WHAT IS EXPECTED | Throughout the material below, count each line in which the word "stand" appears, then reply with the count only.

*** RECORD SET ***

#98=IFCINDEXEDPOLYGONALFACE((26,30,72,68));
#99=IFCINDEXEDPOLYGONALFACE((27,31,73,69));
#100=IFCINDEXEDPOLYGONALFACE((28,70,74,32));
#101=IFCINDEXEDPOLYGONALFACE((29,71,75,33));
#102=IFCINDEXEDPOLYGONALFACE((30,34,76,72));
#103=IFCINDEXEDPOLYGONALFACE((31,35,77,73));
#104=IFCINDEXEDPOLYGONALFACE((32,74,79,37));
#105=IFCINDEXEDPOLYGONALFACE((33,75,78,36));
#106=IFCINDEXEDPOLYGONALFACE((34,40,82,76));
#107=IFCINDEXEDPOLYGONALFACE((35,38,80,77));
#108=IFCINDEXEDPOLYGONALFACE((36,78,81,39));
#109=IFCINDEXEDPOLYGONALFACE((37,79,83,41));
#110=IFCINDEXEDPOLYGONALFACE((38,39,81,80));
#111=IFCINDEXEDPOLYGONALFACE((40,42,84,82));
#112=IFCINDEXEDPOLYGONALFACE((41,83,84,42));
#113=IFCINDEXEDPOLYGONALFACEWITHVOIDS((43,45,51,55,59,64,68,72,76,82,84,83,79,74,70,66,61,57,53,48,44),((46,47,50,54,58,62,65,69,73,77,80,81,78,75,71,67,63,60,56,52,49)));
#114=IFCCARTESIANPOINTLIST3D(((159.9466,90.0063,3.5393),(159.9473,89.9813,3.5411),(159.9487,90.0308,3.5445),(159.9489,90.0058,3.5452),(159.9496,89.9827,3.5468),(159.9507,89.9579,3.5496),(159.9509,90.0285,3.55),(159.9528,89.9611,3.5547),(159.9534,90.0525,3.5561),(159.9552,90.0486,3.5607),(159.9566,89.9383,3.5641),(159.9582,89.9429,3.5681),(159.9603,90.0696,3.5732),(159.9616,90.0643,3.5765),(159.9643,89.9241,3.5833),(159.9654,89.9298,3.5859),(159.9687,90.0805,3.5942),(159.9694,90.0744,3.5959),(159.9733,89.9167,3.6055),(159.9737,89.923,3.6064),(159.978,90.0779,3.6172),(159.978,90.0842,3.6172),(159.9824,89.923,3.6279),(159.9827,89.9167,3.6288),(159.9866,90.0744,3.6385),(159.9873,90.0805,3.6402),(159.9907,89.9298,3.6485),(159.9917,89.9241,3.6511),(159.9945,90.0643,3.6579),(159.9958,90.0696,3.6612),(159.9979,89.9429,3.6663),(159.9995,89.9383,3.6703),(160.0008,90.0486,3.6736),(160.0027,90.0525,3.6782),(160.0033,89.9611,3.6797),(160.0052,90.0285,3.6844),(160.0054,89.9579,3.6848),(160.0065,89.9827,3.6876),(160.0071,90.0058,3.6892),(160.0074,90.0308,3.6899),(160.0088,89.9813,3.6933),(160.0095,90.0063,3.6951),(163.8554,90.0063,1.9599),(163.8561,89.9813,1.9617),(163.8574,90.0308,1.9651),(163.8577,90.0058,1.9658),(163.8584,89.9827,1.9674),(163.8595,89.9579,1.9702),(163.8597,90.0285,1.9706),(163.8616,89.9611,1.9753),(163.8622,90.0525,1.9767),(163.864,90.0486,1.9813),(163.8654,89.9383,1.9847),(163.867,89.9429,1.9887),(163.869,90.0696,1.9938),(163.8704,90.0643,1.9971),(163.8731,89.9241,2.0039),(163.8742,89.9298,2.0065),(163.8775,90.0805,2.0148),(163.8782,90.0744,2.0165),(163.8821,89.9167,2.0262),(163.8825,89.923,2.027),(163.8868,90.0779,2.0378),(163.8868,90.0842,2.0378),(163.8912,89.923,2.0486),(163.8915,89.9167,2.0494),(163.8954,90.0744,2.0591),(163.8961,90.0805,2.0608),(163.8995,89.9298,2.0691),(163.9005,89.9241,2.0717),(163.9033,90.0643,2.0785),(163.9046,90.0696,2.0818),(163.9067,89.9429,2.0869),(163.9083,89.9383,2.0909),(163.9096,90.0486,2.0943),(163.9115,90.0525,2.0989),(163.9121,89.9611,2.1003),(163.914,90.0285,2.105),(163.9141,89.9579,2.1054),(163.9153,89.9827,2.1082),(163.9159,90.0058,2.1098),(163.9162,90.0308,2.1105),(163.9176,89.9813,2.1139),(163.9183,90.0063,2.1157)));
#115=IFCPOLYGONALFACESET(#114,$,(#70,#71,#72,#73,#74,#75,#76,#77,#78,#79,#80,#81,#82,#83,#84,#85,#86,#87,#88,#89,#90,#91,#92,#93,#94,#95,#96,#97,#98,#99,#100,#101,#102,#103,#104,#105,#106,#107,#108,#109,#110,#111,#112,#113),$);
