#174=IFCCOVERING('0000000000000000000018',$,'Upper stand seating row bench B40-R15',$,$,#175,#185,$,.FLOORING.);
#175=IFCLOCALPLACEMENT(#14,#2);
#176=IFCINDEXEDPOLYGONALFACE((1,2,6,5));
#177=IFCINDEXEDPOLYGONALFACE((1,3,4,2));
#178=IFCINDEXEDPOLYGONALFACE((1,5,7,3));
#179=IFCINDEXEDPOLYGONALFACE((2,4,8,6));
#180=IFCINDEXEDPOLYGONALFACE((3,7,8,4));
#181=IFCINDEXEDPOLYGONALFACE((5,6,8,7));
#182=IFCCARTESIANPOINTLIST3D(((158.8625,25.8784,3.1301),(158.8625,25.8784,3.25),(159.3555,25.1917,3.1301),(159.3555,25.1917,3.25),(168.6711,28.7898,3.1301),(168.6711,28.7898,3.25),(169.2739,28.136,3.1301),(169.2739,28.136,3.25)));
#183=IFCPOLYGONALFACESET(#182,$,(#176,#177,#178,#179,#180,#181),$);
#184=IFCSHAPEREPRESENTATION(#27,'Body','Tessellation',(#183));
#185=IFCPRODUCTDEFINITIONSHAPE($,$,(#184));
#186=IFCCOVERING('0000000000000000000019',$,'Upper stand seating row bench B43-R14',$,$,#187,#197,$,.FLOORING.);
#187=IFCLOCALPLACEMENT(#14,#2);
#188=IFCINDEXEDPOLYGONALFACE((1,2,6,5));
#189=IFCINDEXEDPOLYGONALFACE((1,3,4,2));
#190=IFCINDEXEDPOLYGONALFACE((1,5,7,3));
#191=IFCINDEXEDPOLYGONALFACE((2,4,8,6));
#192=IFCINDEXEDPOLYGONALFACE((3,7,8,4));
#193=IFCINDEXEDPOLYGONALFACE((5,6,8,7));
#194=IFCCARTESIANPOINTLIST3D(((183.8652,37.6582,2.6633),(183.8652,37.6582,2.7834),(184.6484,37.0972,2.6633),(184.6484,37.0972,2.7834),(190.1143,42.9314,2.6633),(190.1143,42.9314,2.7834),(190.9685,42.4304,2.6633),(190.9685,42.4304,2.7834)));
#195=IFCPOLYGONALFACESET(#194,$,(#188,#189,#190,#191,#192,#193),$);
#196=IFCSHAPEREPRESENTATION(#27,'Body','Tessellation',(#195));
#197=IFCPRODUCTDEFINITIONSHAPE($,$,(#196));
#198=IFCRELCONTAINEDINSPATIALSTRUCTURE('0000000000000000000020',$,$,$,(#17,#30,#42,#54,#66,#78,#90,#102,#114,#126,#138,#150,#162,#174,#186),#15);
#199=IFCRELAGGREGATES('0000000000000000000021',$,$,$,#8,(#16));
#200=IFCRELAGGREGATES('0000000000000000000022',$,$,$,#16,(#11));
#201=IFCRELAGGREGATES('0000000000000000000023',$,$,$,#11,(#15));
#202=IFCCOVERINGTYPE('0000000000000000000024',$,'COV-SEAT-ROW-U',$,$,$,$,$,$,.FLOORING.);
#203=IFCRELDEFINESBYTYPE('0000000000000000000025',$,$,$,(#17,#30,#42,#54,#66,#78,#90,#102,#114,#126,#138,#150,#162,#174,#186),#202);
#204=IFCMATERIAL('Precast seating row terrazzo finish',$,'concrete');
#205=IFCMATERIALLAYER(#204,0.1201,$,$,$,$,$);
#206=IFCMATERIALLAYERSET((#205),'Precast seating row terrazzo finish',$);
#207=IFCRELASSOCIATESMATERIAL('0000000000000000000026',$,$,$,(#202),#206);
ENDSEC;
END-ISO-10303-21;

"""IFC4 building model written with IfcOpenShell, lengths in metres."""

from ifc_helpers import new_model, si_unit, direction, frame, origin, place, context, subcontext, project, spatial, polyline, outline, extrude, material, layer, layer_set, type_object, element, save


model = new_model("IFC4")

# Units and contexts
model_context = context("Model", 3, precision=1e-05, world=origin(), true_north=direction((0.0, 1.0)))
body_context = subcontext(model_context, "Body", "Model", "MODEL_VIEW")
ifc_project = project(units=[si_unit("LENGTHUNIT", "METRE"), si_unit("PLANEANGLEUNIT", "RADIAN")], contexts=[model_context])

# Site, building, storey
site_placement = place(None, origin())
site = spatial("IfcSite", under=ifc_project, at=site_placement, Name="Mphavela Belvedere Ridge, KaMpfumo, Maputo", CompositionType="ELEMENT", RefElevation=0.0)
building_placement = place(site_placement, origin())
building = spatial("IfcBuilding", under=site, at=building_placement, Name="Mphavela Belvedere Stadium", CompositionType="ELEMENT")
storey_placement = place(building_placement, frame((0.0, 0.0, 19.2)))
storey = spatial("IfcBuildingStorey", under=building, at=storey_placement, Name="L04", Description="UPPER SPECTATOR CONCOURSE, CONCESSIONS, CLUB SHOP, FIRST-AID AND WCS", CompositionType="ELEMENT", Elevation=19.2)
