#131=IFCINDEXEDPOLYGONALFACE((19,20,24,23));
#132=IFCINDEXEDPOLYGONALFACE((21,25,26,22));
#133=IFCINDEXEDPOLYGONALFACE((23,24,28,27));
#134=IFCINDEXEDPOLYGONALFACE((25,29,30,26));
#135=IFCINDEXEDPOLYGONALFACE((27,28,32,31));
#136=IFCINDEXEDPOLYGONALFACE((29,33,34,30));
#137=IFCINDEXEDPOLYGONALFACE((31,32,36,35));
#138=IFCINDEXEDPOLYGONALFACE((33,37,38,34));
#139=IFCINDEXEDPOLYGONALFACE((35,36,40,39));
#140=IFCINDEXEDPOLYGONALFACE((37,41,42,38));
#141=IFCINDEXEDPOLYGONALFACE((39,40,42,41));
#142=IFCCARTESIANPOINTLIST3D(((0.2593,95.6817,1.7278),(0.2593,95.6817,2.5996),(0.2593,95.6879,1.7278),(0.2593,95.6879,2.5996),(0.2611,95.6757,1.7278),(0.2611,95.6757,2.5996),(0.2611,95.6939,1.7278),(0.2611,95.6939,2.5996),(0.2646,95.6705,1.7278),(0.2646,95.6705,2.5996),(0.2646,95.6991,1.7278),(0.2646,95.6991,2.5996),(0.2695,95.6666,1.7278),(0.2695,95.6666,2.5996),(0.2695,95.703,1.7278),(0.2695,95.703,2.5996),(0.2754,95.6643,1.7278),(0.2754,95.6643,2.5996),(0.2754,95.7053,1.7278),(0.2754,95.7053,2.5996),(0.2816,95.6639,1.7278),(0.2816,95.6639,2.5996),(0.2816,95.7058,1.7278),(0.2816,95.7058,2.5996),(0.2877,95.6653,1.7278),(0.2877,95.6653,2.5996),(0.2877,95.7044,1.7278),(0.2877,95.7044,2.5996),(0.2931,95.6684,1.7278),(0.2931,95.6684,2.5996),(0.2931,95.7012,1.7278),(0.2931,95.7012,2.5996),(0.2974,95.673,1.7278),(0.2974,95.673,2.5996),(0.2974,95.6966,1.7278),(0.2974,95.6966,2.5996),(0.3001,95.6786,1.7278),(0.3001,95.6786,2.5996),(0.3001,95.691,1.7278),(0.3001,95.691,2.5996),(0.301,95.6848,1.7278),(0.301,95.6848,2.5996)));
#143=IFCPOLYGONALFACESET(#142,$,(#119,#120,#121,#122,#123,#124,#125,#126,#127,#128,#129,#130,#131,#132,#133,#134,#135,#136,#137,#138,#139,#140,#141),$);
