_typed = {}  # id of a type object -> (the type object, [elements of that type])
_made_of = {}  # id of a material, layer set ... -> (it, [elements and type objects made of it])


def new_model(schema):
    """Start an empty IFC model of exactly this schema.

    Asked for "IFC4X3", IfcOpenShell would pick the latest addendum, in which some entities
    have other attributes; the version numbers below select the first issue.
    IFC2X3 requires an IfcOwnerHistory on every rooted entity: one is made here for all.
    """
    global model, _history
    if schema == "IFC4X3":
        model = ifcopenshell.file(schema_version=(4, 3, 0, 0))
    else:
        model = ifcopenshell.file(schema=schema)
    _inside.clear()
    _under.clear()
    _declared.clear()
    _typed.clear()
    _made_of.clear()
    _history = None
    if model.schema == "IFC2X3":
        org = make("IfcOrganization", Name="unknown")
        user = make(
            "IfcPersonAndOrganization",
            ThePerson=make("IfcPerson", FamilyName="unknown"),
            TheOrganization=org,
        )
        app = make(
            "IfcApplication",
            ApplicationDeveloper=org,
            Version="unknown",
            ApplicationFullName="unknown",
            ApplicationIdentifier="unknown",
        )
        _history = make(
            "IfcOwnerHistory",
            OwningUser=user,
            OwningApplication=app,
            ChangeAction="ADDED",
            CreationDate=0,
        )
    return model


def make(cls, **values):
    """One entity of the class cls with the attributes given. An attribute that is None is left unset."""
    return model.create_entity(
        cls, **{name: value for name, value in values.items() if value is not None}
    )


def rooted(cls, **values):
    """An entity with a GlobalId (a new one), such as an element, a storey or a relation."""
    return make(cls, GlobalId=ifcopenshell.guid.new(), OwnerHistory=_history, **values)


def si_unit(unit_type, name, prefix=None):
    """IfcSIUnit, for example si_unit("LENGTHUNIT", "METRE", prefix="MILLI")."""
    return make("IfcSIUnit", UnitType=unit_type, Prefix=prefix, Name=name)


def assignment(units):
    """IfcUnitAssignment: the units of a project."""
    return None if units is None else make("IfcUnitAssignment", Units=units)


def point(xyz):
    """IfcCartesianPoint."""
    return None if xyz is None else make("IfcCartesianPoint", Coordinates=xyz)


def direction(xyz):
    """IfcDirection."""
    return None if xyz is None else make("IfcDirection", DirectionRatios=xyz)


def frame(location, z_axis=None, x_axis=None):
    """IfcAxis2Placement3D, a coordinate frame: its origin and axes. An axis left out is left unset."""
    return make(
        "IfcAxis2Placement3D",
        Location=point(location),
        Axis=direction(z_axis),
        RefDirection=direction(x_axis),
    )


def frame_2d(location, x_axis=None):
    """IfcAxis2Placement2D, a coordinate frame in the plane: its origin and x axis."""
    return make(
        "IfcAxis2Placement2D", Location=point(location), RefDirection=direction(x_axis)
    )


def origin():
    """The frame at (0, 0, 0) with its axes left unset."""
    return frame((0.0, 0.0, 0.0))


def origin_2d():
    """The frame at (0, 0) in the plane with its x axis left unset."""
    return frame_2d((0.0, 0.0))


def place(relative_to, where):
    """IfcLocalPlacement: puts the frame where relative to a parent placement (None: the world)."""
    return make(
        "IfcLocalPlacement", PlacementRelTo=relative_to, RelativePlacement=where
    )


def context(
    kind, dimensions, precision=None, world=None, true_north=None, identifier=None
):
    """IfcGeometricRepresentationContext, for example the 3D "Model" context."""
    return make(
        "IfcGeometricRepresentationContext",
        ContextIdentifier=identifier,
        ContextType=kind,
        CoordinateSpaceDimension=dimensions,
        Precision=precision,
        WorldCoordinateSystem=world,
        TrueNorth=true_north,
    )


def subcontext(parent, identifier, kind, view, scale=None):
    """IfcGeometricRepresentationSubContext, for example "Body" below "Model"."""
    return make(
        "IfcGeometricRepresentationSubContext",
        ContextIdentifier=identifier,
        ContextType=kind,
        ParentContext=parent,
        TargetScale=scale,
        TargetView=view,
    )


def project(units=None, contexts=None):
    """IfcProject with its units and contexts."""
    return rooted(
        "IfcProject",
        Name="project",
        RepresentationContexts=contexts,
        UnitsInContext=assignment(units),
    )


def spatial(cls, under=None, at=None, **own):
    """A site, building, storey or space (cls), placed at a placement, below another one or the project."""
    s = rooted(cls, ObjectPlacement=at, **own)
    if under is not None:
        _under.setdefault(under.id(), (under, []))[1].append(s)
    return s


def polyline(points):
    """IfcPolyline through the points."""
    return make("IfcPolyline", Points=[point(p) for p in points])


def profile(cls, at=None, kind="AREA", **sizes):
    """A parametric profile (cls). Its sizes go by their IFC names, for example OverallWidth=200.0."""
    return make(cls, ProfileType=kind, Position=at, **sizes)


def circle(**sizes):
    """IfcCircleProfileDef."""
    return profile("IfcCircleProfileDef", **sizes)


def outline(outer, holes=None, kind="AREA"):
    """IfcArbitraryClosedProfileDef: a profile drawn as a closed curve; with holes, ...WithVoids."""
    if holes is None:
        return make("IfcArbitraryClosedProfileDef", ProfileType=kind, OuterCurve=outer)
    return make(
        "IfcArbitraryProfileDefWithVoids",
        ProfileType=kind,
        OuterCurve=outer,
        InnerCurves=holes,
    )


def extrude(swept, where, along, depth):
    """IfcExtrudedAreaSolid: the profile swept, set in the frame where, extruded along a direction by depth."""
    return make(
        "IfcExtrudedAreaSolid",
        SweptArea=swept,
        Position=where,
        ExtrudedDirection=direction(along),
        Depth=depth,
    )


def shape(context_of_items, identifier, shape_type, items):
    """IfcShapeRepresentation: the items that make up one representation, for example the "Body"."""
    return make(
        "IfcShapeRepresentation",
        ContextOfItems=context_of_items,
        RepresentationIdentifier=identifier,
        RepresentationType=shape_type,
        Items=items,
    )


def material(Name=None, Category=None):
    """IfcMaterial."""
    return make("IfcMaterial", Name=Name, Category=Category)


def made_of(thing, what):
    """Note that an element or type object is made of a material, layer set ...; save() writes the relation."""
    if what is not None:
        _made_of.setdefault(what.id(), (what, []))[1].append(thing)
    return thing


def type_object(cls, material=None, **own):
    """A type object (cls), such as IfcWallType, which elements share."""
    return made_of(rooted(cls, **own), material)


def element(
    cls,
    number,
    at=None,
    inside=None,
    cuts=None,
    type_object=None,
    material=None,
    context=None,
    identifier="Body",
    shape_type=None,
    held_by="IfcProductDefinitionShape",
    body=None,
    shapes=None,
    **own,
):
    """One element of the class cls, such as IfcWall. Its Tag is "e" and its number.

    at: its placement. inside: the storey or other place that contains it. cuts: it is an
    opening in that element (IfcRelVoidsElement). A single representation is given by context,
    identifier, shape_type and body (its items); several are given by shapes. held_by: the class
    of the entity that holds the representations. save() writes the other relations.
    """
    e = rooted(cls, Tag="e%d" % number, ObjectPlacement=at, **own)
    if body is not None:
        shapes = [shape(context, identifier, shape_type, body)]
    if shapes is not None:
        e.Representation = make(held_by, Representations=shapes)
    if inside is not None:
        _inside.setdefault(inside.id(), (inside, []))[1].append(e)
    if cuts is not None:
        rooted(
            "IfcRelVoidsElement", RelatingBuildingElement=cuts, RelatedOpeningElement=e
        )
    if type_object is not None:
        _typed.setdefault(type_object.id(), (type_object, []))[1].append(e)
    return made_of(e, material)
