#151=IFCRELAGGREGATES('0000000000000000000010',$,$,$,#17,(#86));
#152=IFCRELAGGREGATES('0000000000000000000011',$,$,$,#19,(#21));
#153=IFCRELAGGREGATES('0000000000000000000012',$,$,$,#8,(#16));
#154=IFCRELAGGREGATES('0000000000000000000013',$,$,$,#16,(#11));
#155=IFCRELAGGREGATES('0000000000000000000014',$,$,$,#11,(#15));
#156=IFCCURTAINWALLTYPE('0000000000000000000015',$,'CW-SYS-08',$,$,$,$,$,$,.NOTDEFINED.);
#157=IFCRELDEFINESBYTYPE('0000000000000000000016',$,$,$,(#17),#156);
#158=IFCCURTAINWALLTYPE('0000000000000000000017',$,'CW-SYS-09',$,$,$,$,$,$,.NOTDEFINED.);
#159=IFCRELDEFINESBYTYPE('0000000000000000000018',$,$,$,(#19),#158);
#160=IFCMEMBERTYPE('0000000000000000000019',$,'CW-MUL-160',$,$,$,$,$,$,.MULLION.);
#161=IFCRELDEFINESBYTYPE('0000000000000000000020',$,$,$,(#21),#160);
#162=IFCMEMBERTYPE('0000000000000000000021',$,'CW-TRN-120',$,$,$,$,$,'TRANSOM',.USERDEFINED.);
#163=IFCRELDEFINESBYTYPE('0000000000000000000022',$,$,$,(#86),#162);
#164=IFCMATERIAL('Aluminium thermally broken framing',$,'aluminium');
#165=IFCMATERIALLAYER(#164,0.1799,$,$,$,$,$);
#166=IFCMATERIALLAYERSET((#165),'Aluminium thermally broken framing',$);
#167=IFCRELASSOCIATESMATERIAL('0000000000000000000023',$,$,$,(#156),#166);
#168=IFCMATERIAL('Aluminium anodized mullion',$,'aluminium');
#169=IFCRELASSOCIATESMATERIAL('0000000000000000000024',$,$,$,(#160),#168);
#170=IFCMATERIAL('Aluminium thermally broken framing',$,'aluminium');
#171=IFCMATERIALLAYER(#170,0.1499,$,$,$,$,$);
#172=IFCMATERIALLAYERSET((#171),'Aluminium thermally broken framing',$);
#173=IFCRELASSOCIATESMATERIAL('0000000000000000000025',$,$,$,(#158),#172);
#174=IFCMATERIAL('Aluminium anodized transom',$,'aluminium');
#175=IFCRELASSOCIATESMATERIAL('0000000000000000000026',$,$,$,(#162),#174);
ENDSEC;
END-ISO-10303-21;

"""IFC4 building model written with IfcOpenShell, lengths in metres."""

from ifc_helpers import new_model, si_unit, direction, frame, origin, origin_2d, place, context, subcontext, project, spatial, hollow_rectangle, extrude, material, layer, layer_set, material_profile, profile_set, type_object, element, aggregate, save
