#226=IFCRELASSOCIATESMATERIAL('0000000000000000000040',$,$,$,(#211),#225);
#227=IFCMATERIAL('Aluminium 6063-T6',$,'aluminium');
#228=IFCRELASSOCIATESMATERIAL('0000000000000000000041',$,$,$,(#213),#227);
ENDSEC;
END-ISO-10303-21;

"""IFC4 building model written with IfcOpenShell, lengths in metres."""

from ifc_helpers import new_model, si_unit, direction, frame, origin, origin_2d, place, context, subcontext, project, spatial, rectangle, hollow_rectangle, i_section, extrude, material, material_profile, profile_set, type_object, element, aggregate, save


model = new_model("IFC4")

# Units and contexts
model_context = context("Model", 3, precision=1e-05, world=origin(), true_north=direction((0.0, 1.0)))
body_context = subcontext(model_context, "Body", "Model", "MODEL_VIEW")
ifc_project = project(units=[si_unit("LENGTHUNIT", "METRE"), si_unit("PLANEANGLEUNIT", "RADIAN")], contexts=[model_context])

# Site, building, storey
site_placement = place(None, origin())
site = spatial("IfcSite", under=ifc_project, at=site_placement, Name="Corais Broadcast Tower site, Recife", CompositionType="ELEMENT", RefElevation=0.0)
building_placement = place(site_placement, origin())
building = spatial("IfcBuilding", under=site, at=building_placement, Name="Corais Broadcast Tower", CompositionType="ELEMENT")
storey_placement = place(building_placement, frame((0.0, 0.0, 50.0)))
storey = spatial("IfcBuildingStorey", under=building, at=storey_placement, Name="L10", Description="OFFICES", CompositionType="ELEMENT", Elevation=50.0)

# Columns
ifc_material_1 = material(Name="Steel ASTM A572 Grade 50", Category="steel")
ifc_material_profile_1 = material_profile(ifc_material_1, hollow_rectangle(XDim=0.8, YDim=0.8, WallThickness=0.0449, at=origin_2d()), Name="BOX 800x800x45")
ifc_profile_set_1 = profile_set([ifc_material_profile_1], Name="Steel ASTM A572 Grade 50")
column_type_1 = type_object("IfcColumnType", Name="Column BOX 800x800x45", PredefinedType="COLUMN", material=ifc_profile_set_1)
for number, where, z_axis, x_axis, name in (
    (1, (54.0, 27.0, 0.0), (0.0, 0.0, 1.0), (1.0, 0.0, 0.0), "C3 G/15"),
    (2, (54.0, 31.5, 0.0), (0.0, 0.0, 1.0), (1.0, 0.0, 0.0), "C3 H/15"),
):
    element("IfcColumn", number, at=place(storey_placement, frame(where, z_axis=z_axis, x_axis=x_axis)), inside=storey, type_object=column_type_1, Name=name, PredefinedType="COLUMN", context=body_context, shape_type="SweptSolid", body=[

*** End of RECORD SET ***

SOLUTION FOR THIS EXERCISE | 2